Instructions to follow
When you print the material, keep every line identical to the original.
====== Exercise data ======
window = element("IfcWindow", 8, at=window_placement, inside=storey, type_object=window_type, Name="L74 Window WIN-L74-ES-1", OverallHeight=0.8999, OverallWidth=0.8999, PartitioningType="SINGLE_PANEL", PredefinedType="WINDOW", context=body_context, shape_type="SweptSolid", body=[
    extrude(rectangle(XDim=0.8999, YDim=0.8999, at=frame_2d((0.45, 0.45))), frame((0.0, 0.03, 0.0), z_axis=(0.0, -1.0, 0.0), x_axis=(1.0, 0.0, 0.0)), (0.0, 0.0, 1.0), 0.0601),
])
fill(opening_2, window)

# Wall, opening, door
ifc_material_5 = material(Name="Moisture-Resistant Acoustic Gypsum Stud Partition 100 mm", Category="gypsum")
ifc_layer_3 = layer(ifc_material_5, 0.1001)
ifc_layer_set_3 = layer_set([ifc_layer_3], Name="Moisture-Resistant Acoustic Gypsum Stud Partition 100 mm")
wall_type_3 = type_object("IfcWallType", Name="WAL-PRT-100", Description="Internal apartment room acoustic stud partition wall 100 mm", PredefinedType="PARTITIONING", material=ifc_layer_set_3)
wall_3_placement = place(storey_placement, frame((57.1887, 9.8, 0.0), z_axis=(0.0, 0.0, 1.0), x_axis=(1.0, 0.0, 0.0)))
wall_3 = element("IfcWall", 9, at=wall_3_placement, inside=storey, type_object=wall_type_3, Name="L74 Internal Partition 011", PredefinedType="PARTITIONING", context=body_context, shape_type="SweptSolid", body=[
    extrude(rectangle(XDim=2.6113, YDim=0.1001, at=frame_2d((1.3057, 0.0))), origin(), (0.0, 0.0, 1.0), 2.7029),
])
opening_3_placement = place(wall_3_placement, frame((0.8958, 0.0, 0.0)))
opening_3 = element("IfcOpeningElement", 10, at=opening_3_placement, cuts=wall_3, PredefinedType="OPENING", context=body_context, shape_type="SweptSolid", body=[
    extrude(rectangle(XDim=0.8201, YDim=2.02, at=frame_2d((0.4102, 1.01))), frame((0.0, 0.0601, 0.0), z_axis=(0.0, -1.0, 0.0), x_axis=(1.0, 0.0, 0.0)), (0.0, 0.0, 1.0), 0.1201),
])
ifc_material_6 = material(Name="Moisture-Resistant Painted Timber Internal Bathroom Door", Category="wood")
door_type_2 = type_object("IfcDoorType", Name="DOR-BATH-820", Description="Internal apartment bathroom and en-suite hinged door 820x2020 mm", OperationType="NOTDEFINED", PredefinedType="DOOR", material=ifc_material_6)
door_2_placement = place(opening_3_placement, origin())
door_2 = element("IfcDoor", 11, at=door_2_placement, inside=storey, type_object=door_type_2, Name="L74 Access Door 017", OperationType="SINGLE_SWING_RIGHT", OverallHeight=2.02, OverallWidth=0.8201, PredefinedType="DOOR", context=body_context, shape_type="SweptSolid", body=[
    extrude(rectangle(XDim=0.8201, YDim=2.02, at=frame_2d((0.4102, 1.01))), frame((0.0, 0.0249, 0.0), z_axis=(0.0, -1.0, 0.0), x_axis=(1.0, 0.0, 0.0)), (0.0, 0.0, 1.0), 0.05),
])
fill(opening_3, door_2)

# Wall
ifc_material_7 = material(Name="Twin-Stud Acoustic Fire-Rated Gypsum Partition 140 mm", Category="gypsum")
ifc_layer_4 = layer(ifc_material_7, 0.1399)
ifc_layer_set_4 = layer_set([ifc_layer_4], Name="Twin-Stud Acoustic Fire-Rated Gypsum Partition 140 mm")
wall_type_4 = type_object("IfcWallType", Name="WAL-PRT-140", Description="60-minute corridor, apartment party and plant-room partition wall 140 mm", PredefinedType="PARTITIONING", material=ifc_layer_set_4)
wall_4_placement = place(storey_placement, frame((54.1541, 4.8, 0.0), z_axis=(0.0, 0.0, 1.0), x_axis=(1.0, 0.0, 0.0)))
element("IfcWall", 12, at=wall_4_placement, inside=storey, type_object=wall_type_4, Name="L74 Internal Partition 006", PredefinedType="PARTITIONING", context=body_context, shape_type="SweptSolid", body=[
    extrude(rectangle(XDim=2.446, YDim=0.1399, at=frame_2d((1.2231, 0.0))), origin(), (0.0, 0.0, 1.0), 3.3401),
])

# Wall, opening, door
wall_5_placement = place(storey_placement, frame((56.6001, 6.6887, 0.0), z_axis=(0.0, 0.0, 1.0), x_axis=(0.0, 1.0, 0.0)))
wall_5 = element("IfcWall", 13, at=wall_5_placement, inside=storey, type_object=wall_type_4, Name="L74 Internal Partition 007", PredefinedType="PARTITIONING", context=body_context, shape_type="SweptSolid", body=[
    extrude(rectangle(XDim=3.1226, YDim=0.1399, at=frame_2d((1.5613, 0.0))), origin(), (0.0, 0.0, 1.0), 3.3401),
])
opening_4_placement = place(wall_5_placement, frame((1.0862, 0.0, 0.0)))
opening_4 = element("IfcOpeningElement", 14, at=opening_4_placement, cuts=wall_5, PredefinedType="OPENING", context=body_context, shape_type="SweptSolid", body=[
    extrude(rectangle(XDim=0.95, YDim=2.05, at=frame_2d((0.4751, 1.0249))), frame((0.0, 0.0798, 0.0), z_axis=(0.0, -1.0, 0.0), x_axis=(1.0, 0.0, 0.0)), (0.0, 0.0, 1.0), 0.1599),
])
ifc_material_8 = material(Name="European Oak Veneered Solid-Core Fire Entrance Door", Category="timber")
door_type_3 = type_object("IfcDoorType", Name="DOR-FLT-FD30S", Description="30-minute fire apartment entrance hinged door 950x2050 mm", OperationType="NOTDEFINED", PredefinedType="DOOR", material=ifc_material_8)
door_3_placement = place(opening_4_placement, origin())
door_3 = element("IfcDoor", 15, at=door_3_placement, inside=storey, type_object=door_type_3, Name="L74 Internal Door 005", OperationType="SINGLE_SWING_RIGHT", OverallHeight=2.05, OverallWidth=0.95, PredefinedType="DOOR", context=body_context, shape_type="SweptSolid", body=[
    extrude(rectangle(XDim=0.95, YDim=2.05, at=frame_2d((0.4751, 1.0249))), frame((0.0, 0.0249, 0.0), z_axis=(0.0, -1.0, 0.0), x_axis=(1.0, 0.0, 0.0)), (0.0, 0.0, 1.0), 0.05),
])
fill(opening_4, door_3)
======
Solution below
window = element("IfcWindow", 8, at=window_placement, inside=storey, type_object=window_type, Name="L74 Window WIN-L74-ES-1", OverallHeight=0.8999, OverallWidth=0.8999, PartitioningType="SINGLE_PANEL", PredefinedType="WINDOW", context=body_context, shape_type="SweptSolid", body=[
    extrude(rectangle(XDim=0.8999, YDim=0.8999, at=frame_2d((0.45, 0.45))), frame((0.0, 0.03, 0.0), z_axis=(0.0, -1.0, 0.0), x_axis=(1.0, 0.0, 0.0)), (0.0, 0.0, 1.0), 0.0601),
])
fill(opening_2, window)

# Wall, opening, door
ifc_material_5 = material(Name="Moisture-Resistant Acoustic Gypsum Stud Partition 100 mm", Category="gypsum")
ifc_layer_3 = layer(ifc_material_5, 0.1001)
ifc_layer_set_3 = layer_set([ifc_layer_3], Name="Moisture-Resistant Acoustic Gypsum Stud Partition 100 mm")
wall_type_3 = type_object("IfcWallType", Name="WAL-PRT-100", Description="Internal apartment room acoustic stud partition wall 100 mm", PredefinedType="PARTITIONING", material=ifc_layer_set_3)
wall_3_placement = place(storey_placement, frame((57.1887, 9.8, 0.0), z_axis=(0.0, 0.0, 1.0), x_axis=(1.0, 0.0, 0.0)))
wall_3 = element("IfcWall", 9, at=wall_3_placement, inside=storey, type_object=wall_type_3, Name="L74 Internal Partition 011", PredefinedType="PARTITIONING", context=body_context, shape_type="SweptSolid", body=[
    extrude(rectangle(XDim=2.6113, YDim=0.1001, at=frame_2d((1.3057, 0.0))), origin(), (0.0, 0.0, 1.0), 2.7029),
])
opening_3_placement = place(wall_3_placement, frame((0.8958, 0.0, 0.0)))
opening_3 = element("IfcOpeningElement", 10, at=opening_3_placement, cuts=wall_3, PredefinedType="OPENING", context=body_context, shape_type="SweptSolid", body=[
    extrude(rectangle(XDim=0.8201, YDim=2.02, at=frame_2d((0.4102, 1.01))), frame((0.0, 0.0601, 0.0), z_axis=(0.0, -1.0, 0.0), x_axis=(1.0, 0.0, 0.0)), (0.0, 0.0, 1.0), 0.1201),
])
ifc_material_6 = material(Name="Moisture-Resistant Painted Timber Internal Bathroom Door", Category="wood")
door_type_2 = type_object("IfcDoorType", Name="DOR-BATH-820", Description="Internal apartment bathroom and en-suite hinged door 820x2020 mm", OperationType="NOTDEFINED", PredefinedType="DOOR", material=ifc_material_6)
door_2_placement = place(opening_3_placement, origin())
door_2 = element("IfcDoor", 11, at=door_2_placement, inside=storey, type_object=door_type_2, Name="L74 Access Door 017", OperationType="SINGLE_SWING_RIGHT", OverallHeight=2.02, OverallWidth=0.8201, PredefinedType="DOOR", context=body_context, shape_type="SweptSolid", body=[
    extrude(rectangle(XDim=0.8201, YDim=2.02, at=frame_2d((0.4102, 1.01))), frame((0.0, 0.0249, 0.0), z_axis=(0.0, -1.0, 0.0), x_axis=(1.0, 0.0, 0.0)), (0.0, 0.0, 1.0), 0.05),
])
fill(opening_3, door_2)

# Wall
ifc_material_7 = material(Name="Twin-Stud Acoustic Fire-Rated Gypsum Partition 140 mm", Category="gypsum")
ifc_layer_4 = layer(ifc_material_7, 0.1399)
ifc_layer_set_4 = layer_set([ifc_layer_4], Name="Twin-Stud Acoustic Fire-Rated Gypsum Partition 140 mm")
wall_type_4 = type_object("IfcWallType", Name="WAL-PRT-140", Description="60-minute corridor, apartment party and plant-room partition wall 140 mm", PredefinedType="PARTITIONING", material=ifc_layer_set_4)
wall_4_placement = place(storey_placement, frame((54.1541, 4.8, 0.0), z_axis=(0.0, 0.0, 1.0), x_axis=(1.0, 0.0, 0.0)))
element("IfcWall", 12, at=wall_4_placement, inside=storey, type_object=wall_type_4, Name="L74 Internal Partition 006", PredefinedType="PARTITIONING", context=body_context, shape_type="SweptSolid", body=[
    extrude(rectangle(XDim=2.446, YDim=0.1399, at=frame_2d((1.2231, 0.0))), origin(), (0.0, 0.0, 1.0), 3.3401),
])

# Wall, opening, door
wall_5_placement = place(storey_placement, frame((56.6001, 6.6887, 0.0), z_axis=(0.0, 0.0, 1.0), x_axis=(0.0, 1.0, 0.0)))
wall_5 = element("IfcWall", 13, at=wall_5_placement, inside=storey, type_object=wall_type_4, Name="L74 Internal Partition 007", PredefinedType="PARTITIONING", context=body_context, shape_type="SweptSolid", body=[
    extrude(rectangle(XDim=3.1226, YDim=0.1399, at=frame_2d((1.5613, 0.0))), origin(), (0.0, 0.0, 1.0), 3.3401),
])
opening_4_placement = place(wall_5_placement, frame((1.0862, 0.0, 0.0)))
opening_4 = element("IfcOpeningElement", 14, at=opening_4_placement, cuts=wall_5, PredefinedType="OPENING", context=body_context, shape_type="SweptSolid", body=[
    extrude(rectangle(XDim=0.95, YDim=2.05, at=frame_2d((0.4751, 1.0249))), frame((0.0, 0.0798, 0.0), z_axis=(0.0, -1.0, 0.0), x_axis=(1.0, 0.0, 0.0)), (0.0, 0.0, 1.0), 0.1599),
])
ifc_material_8 = material(Name="European Oak Veneered Solid-Core Fire Entrance Door", Category="timber")
door_type_3 = type_object("IfcDoorType", Name="DOR-FLT-FD30S", Description="30-minute fire apartment entrance hinged door 950x2050 mm", OperationType="NOTDEFINED", PredefinedType="DOOR", material=ifc_material_8)
door_3_placement = place(opening_4_placement, origin())
door_3 = element("IfcDoor", 15, at=door_3_placement, inside=storey, type_object=door_type_3, Name="L74 Internal Door 005", OperationType="SINGLE_SWING_RIGHT", OverallHeight=2.05, OverallWidth=0.95, PredefinedType="DOOR", context=body_context, shape_type="SweptSolid", body=[
    extrude(rectangle(XDim=0.95, YDim=2.05, at=frame_2d((0.4751, 1.0249))), frame((0.0, 0.0249, 0.0), z_axis=(0.0, -1.0, 0.0), x_axis=(1.0, 0.0, 0.0)), (0.0, 0.0, 1.0), 0.05),
])
fill(opening_4, door_3)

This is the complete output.